**** THE RECORDS ****
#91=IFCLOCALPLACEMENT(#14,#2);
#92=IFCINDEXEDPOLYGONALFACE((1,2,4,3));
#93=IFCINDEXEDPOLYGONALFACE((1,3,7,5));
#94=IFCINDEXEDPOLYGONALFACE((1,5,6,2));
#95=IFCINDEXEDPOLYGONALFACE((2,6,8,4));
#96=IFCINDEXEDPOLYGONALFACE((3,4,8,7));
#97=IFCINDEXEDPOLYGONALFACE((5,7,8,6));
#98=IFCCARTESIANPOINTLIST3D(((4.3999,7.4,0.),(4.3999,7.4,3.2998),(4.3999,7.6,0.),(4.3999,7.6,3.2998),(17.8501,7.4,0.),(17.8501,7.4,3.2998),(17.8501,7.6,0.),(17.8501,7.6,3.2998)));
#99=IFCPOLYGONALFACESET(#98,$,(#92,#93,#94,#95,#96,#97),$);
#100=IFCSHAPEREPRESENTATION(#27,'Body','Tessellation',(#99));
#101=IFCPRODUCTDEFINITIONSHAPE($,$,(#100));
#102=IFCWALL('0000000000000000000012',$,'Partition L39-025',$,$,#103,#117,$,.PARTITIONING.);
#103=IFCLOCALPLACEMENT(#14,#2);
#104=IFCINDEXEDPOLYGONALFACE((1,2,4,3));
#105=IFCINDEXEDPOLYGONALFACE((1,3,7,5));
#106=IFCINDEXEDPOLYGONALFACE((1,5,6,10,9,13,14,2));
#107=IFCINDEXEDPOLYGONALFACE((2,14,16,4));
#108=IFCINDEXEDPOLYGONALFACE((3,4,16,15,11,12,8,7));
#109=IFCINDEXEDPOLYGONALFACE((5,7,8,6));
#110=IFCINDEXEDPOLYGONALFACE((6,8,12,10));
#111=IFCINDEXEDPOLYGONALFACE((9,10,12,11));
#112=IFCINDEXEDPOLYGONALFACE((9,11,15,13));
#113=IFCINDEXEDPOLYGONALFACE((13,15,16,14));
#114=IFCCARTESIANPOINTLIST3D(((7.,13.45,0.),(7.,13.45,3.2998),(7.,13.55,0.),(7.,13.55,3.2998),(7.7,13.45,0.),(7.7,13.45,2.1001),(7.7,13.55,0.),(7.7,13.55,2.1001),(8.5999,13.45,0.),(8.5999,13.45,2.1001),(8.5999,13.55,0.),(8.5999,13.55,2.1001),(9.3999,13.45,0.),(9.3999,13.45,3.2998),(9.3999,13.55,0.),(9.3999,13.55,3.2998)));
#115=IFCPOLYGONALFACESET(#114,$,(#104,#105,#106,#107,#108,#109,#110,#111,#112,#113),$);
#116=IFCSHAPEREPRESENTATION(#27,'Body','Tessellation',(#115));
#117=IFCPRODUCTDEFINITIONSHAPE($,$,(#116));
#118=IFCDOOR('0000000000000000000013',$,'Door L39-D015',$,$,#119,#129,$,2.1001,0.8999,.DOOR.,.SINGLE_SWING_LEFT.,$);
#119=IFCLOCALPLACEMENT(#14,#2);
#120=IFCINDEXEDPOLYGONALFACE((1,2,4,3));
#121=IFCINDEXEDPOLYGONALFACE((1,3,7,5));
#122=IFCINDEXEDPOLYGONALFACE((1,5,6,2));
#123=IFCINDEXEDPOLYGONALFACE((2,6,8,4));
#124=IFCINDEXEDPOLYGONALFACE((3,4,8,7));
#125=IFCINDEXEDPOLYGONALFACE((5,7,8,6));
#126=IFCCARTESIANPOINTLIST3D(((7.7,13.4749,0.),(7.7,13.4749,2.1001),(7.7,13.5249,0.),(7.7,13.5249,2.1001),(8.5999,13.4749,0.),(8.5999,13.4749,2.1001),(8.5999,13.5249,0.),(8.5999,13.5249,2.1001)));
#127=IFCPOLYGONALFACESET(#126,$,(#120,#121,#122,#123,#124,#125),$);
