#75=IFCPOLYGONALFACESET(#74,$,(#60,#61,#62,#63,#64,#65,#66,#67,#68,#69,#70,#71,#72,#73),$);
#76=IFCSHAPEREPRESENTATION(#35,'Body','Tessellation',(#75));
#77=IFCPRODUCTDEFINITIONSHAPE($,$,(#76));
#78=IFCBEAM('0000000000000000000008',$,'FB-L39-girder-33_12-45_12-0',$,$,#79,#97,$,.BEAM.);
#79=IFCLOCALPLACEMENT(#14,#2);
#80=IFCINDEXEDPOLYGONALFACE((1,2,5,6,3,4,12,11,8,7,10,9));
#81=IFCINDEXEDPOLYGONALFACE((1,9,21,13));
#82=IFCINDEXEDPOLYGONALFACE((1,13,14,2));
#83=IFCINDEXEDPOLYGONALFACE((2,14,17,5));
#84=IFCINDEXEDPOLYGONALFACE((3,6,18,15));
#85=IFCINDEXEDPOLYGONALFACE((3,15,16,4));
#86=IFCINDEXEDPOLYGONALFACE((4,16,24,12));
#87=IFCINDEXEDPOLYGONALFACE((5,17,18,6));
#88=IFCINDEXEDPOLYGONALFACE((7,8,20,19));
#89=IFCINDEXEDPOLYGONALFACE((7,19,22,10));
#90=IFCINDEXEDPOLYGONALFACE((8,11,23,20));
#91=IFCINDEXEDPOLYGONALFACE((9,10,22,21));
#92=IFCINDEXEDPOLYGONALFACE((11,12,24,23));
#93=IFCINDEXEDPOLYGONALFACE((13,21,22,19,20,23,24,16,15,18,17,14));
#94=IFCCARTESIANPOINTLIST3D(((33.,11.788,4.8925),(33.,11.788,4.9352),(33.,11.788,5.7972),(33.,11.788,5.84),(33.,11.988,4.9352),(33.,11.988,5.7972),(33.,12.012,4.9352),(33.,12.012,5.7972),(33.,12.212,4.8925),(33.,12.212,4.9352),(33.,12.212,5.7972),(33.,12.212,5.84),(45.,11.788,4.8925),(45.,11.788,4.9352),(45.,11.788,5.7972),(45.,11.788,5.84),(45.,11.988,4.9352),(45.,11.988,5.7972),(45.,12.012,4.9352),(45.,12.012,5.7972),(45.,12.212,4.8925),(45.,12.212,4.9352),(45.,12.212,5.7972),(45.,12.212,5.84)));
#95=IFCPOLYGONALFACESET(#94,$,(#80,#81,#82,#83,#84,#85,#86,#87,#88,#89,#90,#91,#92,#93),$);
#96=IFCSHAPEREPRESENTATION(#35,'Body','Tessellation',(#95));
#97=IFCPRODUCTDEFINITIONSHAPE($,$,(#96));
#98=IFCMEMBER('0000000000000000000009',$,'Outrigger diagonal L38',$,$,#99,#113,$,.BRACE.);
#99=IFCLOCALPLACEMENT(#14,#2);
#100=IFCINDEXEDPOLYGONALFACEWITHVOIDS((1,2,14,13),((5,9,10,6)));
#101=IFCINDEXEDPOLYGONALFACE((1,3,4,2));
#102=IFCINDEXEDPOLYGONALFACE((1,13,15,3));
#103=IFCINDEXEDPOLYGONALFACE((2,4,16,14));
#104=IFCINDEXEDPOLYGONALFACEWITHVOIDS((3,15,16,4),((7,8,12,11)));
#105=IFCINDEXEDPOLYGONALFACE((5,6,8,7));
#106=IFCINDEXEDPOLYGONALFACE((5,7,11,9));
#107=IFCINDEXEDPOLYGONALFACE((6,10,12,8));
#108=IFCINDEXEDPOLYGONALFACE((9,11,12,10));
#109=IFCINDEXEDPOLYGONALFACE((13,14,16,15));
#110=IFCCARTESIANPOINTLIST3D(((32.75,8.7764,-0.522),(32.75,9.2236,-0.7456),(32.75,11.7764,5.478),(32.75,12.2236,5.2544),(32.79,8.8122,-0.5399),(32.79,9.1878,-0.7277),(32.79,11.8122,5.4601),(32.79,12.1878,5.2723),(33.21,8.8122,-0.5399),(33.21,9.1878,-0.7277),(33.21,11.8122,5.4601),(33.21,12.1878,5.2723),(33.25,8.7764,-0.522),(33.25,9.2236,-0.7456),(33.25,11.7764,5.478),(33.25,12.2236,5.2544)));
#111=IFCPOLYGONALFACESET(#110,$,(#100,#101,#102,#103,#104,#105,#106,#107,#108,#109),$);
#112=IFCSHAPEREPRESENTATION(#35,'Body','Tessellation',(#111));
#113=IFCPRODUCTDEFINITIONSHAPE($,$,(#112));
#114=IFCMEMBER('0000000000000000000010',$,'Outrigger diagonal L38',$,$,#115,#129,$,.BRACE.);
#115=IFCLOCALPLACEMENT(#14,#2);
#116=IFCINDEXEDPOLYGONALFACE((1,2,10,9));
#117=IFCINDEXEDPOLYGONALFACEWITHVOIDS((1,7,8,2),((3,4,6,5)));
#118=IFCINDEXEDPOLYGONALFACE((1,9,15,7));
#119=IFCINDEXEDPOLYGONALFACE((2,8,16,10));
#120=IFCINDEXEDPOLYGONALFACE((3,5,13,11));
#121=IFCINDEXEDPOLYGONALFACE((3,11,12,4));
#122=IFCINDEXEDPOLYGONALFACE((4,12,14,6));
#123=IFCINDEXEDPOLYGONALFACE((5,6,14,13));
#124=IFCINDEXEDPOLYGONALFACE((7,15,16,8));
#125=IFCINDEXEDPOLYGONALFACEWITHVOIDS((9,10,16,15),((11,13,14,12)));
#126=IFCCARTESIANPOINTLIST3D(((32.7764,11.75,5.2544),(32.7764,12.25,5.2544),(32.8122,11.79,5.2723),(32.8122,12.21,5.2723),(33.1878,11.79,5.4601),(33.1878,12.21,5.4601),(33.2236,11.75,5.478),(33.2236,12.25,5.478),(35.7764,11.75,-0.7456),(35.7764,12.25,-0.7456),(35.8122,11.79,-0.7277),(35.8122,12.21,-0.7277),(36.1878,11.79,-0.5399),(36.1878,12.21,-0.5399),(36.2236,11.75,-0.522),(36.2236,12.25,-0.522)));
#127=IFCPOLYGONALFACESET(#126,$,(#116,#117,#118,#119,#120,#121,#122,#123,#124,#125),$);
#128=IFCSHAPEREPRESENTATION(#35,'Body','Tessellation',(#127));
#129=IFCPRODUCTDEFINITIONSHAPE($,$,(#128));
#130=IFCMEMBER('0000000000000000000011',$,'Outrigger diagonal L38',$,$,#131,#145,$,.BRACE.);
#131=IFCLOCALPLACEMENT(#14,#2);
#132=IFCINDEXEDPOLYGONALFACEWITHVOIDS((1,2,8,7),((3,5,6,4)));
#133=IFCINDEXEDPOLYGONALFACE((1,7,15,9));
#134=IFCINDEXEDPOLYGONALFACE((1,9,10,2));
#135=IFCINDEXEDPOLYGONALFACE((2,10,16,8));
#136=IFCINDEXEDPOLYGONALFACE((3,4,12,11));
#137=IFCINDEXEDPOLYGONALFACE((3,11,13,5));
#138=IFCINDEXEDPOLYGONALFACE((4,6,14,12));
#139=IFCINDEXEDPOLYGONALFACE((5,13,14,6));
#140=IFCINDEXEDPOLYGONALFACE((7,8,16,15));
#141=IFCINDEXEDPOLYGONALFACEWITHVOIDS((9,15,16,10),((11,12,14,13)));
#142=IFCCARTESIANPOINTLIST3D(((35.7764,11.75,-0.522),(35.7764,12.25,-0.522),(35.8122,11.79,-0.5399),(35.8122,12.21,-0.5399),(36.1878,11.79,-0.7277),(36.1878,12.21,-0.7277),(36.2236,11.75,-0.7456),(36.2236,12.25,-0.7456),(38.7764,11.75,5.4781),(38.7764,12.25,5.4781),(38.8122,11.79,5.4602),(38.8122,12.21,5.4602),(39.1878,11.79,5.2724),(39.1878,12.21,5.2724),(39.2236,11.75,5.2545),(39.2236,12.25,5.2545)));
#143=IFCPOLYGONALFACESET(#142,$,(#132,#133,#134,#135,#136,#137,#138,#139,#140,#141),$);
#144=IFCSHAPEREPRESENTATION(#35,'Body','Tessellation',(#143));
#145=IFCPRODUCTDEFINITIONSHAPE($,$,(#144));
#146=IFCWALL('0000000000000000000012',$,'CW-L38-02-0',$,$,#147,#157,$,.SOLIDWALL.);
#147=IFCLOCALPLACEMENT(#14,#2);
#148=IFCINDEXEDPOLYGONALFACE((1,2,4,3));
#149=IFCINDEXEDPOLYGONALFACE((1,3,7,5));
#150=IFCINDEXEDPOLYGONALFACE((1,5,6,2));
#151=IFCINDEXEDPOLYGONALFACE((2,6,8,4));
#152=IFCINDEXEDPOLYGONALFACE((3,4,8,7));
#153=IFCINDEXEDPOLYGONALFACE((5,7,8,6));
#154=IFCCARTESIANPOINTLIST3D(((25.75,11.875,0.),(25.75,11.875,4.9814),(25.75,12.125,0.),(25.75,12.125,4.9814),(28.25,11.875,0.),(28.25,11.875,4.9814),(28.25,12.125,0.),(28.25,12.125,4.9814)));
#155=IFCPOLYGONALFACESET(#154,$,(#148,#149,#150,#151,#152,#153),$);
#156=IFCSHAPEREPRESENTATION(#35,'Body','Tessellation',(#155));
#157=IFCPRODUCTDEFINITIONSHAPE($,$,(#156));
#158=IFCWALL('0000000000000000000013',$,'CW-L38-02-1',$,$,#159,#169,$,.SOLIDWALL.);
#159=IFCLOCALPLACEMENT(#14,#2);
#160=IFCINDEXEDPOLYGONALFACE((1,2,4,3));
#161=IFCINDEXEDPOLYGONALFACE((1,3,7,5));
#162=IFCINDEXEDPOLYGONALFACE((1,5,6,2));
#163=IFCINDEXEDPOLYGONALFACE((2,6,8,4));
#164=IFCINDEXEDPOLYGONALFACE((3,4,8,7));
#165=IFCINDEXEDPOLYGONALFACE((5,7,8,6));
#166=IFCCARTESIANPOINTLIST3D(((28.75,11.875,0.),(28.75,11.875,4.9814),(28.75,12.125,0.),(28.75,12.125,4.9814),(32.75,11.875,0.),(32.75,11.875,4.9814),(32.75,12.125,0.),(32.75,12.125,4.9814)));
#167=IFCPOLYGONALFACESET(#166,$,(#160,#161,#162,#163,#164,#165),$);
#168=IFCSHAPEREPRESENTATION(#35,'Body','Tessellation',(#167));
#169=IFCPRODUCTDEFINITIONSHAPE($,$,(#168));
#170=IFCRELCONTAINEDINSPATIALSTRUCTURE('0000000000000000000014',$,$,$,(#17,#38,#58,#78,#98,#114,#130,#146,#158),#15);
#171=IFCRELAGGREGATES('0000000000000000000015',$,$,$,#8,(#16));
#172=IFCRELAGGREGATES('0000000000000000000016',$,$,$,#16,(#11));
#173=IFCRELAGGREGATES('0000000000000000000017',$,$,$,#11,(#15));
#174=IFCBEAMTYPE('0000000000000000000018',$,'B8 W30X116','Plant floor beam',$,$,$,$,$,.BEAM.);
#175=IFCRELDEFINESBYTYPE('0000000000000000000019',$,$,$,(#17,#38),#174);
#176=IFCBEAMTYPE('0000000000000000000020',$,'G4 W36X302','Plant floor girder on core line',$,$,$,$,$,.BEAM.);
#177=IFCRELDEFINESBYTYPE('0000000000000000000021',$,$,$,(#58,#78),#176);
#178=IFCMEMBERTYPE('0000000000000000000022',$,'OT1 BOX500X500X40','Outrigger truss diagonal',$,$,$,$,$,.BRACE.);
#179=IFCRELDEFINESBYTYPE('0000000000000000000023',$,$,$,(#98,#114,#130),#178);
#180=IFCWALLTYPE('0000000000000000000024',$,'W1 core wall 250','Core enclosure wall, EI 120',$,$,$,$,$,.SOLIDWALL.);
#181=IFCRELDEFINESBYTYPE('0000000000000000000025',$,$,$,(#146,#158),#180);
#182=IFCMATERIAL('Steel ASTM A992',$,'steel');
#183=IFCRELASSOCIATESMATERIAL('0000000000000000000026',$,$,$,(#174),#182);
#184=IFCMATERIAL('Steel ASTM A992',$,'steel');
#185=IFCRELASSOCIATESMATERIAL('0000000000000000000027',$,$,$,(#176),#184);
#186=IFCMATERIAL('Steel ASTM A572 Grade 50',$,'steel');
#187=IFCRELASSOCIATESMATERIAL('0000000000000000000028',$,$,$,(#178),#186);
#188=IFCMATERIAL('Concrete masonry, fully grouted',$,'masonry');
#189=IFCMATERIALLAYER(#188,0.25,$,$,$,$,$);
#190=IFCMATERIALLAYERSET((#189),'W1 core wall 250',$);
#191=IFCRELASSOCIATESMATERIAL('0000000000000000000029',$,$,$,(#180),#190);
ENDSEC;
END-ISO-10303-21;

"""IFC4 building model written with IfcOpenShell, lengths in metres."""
****
◆ WHAT IS BEING ASKED:
Exactly the lines running from the top of the records to the line that contains "#101=IFCPRODUCTDEFINITIONSHAPE($,$,(#100));", inclusive, must be set down, and nothing more.

◆ SOLUTION FOR THIS TASK:
#91=IFCLOCALPLACEMENT(#14,#2);
#92=IFCINDEXEDPOLYGONALFACE((1,2,4,3));
#93=IFCINDEXEDPOLYGONALFACE((1,3,7,5));
#94=IFCINDEXEDPOLYGONALFACE((1,5,6,2));
#95=IFCINDEXEDPOLYGONALFACE((2,6,8,4));
#96=IFCINDEXEDPOLYGONALFACE((3,4,8,7));
#97=IFCINDEXEDPOLYGONALFACE((5,7,8,6));
#98=IFCCARTESIANPOINTLIST3D(((4.3999,7.4,0.),(4.3999,7.4,3.2998),(4.3999,7.6,0.),(4.3999,7.6,3.2998),(17.8501,7.4,0.),(17.8501,7.4,3.2998),(17.8501,7.6,0.),(17.8501,7.6,3.2998)));
#99=IFCPOLYGONALFACESET(#98,$,(#92,#93,#94,#95,#96,#97),$);
#100=IFCSHAPEREPRESENTATION(#27,'Body','Tessellation',(#99));
#101=IFCPRODUCTDEFINITIONSHAPE($,$,(#100));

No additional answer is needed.